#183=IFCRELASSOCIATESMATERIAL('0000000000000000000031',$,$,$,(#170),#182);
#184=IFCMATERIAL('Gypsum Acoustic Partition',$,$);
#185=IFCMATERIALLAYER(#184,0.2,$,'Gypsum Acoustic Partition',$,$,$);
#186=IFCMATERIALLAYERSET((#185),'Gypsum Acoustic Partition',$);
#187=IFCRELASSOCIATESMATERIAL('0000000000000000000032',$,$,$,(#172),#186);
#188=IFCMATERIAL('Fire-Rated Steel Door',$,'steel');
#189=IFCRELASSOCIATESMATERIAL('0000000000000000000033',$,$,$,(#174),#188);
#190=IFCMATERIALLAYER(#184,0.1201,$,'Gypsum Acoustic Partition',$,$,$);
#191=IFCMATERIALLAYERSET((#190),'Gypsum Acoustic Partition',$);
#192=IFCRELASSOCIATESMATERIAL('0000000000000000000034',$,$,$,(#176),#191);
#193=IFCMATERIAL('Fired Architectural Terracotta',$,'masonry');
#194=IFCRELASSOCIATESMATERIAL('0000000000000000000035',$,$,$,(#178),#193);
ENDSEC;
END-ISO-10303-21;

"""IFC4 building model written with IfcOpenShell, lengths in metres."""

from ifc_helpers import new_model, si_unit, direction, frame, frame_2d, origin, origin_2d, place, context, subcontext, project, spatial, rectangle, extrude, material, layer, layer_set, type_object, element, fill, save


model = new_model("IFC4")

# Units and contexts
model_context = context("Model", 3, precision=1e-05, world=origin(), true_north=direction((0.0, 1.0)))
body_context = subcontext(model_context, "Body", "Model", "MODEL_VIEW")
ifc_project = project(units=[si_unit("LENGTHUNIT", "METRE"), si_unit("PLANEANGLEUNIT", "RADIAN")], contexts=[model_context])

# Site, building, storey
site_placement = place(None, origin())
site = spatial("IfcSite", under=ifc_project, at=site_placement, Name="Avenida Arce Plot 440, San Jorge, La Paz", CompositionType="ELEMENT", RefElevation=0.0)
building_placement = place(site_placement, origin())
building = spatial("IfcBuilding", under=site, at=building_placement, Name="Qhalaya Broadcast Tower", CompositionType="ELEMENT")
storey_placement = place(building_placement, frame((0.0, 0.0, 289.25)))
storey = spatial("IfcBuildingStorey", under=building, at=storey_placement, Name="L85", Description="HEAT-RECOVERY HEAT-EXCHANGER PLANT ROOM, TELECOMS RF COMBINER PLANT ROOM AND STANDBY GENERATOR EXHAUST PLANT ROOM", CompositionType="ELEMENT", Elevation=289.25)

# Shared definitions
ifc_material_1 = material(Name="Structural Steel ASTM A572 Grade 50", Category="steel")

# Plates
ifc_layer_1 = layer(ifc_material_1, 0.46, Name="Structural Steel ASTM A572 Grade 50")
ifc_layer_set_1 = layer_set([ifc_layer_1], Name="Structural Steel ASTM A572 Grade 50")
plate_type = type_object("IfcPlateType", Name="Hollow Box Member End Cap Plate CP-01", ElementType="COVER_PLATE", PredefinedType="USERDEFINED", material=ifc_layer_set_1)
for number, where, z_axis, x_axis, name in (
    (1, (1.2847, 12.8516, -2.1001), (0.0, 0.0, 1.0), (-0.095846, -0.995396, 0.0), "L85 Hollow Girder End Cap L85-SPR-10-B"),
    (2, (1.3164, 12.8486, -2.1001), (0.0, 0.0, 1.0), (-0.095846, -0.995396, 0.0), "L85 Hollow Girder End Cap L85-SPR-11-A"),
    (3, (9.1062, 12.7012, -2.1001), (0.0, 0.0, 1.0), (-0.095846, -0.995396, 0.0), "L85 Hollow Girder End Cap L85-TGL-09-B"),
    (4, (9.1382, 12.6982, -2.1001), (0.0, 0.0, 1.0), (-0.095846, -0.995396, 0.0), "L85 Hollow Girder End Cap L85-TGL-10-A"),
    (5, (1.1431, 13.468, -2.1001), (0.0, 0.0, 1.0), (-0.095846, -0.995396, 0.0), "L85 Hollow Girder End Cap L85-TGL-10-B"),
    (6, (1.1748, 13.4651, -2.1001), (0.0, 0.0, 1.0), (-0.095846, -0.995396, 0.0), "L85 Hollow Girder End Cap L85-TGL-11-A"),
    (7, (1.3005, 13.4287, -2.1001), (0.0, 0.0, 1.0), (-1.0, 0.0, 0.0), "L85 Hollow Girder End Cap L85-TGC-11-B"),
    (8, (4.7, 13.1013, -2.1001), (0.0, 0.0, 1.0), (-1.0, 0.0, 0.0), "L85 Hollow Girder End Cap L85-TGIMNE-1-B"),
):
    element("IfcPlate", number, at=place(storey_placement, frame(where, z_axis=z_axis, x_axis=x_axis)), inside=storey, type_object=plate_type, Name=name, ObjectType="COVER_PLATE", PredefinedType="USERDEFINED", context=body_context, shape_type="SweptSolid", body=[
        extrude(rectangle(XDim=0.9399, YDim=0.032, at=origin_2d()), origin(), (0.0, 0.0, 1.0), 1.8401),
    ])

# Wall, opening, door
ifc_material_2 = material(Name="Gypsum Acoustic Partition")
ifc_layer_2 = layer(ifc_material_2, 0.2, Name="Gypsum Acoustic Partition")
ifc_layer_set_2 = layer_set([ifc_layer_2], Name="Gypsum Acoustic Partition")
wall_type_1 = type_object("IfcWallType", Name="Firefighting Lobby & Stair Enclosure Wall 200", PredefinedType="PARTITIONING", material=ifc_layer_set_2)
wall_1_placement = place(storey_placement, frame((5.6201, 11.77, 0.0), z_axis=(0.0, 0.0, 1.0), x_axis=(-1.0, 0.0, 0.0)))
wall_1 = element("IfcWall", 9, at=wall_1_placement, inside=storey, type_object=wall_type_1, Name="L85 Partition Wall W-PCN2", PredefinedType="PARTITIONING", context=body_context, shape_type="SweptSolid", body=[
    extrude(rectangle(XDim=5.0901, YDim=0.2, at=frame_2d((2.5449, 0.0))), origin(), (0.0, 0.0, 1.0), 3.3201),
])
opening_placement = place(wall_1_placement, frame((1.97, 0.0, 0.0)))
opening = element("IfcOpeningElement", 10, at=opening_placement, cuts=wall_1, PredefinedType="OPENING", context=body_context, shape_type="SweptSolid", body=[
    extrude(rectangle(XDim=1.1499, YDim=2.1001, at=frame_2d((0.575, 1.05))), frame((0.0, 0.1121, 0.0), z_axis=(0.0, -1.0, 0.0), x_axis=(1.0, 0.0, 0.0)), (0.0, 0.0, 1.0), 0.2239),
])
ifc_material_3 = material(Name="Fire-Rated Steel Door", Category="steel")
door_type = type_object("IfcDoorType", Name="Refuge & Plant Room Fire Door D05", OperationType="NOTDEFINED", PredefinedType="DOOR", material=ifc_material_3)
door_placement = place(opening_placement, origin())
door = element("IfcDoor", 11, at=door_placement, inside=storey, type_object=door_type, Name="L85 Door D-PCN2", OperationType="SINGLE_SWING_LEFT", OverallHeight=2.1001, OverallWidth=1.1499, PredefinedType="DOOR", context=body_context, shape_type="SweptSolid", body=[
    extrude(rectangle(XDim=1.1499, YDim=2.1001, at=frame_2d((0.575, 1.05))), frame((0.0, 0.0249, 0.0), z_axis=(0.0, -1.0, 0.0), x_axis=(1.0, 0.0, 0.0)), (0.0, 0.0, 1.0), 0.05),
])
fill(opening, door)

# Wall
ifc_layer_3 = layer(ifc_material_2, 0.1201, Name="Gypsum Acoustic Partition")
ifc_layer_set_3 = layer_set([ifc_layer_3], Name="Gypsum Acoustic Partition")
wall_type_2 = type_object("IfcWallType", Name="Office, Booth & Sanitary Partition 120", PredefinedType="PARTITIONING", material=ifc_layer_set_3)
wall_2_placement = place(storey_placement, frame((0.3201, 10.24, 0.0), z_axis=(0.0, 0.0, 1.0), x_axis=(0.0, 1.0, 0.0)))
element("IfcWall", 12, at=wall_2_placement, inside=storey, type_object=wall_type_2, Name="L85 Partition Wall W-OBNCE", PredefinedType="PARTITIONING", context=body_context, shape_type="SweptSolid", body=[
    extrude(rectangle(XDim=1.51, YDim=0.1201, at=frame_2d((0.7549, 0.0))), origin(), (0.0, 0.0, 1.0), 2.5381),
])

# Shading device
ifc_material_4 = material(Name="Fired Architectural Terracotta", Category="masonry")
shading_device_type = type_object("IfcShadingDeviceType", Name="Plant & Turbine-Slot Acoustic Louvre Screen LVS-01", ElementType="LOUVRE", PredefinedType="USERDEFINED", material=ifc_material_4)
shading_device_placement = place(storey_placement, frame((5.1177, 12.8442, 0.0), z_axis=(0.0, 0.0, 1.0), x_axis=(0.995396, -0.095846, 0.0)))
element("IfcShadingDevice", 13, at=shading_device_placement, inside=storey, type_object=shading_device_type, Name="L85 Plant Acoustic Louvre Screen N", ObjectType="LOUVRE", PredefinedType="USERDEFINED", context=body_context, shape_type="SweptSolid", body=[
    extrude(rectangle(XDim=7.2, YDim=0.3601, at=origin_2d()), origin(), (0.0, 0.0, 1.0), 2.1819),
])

========

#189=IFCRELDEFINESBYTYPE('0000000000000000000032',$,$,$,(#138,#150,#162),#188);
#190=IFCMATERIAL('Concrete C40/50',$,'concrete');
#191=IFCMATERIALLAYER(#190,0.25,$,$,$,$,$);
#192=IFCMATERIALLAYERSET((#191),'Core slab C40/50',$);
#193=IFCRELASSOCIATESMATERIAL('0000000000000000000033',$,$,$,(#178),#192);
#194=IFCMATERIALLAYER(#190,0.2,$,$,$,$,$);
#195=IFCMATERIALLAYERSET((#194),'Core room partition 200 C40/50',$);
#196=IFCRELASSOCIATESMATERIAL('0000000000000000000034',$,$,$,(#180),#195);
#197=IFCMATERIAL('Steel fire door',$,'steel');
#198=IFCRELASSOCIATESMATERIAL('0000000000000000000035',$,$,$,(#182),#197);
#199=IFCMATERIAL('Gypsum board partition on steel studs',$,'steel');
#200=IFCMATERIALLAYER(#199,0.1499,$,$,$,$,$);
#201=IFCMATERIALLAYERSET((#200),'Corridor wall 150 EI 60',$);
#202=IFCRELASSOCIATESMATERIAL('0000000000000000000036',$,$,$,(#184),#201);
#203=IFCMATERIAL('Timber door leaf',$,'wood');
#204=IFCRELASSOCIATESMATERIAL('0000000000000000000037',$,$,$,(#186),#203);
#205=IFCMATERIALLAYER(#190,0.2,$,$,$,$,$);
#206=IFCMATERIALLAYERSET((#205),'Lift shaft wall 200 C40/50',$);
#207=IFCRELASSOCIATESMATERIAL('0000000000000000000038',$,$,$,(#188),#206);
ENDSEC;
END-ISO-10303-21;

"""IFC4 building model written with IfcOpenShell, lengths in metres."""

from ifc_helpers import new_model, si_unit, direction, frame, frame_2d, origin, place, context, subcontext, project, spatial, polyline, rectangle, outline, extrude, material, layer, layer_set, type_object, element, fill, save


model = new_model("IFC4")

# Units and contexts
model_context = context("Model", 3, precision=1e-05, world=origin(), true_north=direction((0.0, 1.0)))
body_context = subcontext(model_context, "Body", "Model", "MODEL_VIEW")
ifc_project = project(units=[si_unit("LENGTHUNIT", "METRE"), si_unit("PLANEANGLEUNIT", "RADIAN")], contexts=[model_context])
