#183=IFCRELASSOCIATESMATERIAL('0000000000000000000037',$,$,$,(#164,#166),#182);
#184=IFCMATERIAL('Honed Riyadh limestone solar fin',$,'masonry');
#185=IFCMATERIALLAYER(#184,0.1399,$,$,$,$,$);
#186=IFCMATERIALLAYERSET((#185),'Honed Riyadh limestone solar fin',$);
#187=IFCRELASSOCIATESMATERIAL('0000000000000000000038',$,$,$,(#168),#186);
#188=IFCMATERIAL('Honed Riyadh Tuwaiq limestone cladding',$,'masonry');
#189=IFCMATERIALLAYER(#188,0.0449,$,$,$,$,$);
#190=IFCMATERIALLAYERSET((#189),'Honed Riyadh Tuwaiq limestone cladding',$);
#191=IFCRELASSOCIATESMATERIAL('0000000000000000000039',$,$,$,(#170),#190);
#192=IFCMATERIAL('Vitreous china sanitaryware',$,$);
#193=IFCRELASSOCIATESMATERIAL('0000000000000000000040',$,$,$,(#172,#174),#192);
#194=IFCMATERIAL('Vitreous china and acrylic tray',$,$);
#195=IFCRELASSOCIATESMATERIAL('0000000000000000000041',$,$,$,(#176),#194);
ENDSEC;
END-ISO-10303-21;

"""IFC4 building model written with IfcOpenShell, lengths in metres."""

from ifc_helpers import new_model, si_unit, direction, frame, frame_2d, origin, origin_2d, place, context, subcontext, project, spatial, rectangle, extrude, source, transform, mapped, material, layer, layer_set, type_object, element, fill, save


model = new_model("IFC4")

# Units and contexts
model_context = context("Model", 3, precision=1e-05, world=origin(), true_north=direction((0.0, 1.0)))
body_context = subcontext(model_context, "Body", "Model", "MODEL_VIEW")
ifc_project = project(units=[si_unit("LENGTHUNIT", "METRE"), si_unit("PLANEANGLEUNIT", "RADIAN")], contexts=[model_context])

========

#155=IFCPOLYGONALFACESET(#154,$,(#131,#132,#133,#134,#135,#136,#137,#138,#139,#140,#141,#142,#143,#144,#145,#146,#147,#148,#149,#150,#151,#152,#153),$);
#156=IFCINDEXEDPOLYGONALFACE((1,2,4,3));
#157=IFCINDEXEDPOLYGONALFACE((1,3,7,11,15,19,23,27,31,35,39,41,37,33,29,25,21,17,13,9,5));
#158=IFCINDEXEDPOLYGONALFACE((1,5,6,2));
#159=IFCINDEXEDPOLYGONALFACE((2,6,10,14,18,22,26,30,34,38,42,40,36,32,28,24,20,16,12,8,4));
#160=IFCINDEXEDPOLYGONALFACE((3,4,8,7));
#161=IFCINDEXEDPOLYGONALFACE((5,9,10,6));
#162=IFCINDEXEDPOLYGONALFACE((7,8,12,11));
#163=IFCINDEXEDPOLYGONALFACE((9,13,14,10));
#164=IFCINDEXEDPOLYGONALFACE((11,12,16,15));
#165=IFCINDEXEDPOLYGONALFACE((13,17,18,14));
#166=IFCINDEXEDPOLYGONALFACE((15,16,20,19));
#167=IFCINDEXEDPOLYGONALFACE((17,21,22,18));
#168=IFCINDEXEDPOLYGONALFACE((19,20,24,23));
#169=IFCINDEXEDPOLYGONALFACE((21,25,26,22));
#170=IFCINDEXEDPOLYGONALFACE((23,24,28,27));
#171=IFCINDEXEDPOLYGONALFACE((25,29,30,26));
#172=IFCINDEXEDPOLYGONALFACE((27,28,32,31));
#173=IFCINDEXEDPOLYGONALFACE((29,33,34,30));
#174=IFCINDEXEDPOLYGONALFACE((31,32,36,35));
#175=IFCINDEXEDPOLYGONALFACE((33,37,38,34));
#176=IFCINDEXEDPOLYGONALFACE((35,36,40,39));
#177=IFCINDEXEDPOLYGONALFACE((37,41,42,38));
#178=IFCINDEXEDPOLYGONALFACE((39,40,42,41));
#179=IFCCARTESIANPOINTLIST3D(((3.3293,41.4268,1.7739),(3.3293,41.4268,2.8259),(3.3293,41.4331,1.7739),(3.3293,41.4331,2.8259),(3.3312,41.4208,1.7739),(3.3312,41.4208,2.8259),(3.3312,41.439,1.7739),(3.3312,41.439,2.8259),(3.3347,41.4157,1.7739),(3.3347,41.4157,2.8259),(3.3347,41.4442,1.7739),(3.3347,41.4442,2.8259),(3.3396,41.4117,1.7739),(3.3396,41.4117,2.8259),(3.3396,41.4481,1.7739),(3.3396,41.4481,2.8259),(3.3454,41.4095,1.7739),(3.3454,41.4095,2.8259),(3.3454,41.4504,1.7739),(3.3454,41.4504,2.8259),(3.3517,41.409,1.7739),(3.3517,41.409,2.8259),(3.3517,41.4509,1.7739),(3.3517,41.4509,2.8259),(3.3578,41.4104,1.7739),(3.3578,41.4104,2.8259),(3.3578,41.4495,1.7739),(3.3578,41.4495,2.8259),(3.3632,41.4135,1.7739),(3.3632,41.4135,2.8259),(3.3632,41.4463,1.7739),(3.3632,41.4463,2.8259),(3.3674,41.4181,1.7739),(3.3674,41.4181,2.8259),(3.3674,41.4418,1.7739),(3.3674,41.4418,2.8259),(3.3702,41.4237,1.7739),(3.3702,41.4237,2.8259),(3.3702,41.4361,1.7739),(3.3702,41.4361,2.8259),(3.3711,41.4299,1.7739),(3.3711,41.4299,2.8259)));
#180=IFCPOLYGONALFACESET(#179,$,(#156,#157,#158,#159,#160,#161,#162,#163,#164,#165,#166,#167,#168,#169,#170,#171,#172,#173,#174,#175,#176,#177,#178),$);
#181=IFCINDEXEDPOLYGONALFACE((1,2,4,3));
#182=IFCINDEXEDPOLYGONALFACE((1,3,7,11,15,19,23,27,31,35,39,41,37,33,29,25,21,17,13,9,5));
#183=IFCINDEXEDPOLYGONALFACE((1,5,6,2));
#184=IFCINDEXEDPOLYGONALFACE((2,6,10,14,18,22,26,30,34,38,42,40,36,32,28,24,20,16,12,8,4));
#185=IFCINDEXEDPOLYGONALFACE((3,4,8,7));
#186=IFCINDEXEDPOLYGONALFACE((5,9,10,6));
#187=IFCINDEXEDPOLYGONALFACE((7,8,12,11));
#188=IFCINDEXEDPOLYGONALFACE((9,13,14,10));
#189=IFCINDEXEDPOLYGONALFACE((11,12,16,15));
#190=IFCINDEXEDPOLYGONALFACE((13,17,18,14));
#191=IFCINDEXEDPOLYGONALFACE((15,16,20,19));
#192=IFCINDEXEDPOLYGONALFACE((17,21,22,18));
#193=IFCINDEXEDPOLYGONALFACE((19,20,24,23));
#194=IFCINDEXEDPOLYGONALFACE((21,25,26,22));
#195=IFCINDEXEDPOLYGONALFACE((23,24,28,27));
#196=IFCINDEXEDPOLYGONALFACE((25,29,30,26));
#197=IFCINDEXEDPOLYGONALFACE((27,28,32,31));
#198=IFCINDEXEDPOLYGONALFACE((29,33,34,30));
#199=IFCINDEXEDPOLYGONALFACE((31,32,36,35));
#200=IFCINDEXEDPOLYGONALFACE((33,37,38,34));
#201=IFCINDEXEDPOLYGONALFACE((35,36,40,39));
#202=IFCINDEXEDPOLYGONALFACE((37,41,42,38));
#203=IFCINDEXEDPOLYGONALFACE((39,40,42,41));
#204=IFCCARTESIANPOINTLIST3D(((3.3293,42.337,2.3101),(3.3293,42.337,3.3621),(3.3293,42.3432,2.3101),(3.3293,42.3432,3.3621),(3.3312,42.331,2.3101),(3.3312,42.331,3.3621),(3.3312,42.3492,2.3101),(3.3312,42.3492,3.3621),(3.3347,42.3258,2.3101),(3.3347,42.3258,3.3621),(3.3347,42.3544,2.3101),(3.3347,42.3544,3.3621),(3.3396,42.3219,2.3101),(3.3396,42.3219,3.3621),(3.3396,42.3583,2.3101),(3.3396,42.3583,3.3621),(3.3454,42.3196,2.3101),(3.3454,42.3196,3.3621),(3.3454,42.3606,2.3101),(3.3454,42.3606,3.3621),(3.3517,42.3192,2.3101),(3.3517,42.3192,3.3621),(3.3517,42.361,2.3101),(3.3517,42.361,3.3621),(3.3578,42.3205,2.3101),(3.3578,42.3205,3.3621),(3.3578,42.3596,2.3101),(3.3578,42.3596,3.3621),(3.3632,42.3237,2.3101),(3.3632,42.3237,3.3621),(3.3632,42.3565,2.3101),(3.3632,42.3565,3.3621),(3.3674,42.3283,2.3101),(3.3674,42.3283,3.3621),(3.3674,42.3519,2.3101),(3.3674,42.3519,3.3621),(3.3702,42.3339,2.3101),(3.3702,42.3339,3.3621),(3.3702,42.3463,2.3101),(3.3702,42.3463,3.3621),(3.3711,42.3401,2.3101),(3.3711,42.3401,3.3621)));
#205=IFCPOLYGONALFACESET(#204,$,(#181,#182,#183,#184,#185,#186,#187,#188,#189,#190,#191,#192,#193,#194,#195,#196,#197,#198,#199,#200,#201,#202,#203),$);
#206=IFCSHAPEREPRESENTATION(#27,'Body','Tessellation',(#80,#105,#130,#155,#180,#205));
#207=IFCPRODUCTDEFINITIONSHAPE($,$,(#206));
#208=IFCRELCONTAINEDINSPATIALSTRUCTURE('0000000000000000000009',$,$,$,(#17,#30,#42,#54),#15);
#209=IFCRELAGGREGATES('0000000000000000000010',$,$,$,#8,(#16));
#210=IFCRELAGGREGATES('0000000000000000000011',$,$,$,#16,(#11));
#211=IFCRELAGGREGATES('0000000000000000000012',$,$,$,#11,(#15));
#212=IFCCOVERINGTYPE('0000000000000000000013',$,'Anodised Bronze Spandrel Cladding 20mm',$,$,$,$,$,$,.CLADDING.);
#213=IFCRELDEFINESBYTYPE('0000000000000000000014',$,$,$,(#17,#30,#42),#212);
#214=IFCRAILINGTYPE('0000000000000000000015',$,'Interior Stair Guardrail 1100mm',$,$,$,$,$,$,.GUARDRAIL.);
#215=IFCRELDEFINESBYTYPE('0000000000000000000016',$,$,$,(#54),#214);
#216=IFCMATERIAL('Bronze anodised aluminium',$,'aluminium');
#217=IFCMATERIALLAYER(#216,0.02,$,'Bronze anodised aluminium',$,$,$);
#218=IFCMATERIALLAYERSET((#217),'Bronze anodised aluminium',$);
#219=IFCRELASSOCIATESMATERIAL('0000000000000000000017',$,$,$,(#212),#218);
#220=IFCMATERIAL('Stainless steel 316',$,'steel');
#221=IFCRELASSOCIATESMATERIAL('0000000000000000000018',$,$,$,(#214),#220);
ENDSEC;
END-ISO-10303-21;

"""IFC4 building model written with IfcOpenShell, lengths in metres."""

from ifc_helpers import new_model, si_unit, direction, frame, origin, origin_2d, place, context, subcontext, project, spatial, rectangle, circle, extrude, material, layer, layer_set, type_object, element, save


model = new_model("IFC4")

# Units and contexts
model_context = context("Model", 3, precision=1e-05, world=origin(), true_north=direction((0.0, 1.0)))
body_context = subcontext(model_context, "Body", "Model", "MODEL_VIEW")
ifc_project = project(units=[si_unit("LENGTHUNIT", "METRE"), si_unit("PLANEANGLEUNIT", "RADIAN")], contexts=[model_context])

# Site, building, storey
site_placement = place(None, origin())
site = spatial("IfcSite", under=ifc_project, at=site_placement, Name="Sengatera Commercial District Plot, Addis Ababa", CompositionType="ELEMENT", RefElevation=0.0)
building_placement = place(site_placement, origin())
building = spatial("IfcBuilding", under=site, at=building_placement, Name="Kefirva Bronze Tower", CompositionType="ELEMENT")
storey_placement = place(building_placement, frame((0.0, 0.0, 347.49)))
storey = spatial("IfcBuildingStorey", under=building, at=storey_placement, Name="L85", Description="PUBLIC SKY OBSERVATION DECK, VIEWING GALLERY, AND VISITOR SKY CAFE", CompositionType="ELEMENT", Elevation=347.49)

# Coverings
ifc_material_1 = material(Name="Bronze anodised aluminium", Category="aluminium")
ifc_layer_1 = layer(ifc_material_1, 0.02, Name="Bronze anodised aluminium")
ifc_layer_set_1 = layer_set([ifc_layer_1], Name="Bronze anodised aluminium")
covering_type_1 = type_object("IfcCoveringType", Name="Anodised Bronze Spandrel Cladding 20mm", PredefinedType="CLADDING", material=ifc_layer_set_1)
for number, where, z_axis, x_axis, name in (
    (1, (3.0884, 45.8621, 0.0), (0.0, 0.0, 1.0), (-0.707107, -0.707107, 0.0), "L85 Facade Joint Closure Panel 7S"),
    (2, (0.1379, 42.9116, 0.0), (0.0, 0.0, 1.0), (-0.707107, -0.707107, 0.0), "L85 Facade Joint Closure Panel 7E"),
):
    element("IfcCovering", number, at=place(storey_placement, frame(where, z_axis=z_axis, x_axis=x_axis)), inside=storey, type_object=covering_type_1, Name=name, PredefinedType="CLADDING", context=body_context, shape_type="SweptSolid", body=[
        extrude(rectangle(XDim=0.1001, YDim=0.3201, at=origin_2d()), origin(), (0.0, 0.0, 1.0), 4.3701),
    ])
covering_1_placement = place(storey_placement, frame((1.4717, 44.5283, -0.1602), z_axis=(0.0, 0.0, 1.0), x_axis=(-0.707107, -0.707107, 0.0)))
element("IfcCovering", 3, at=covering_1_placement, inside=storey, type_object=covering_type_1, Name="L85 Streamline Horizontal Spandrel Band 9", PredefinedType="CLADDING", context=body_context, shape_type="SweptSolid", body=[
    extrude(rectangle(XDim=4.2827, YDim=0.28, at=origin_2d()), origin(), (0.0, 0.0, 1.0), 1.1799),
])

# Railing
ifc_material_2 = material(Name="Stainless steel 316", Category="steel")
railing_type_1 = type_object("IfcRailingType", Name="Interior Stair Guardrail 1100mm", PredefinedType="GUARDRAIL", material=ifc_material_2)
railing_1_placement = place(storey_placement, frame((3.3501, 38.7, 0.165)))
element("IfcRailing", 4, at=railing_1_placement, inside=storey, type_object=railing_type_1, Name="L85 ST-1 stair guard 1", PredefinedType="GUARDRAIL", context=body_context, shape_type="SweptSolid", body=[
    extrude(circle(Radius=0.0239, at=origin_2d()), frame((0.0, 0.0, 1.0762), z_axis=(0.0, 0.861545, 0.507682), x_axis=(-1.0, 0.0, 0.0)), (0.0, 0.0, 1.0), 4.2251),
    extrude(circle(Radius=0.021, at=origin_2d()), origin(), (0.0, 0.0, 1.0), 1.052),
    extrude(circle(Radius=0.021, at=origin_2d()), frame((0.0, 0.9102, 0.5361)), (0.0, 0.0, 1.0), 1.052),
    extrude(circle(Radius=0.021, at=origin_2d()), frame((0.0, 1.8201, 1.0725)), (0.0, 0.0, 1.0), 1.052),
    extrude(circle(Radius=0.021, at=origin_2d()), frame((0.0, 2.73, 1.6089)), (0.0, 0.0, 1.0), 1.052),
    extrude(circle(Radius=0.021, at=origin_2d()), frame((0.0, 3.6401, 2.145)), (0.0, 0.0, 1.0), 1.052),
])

========

What you are asked to do
Go through the listing above, and whenever a line holds the word "Tower", copy it.

Response to this exercise
building = spatial("IfcBuilding", under=site, at=building_placement, Name="Qhalaya Broadcast Tower", CompositionType="ELEMENT")
building = spatial("IfcBuilding", under=site, at=building_placement, Name="Kefirva Bronze Tower", CompositionType="ELEMENT")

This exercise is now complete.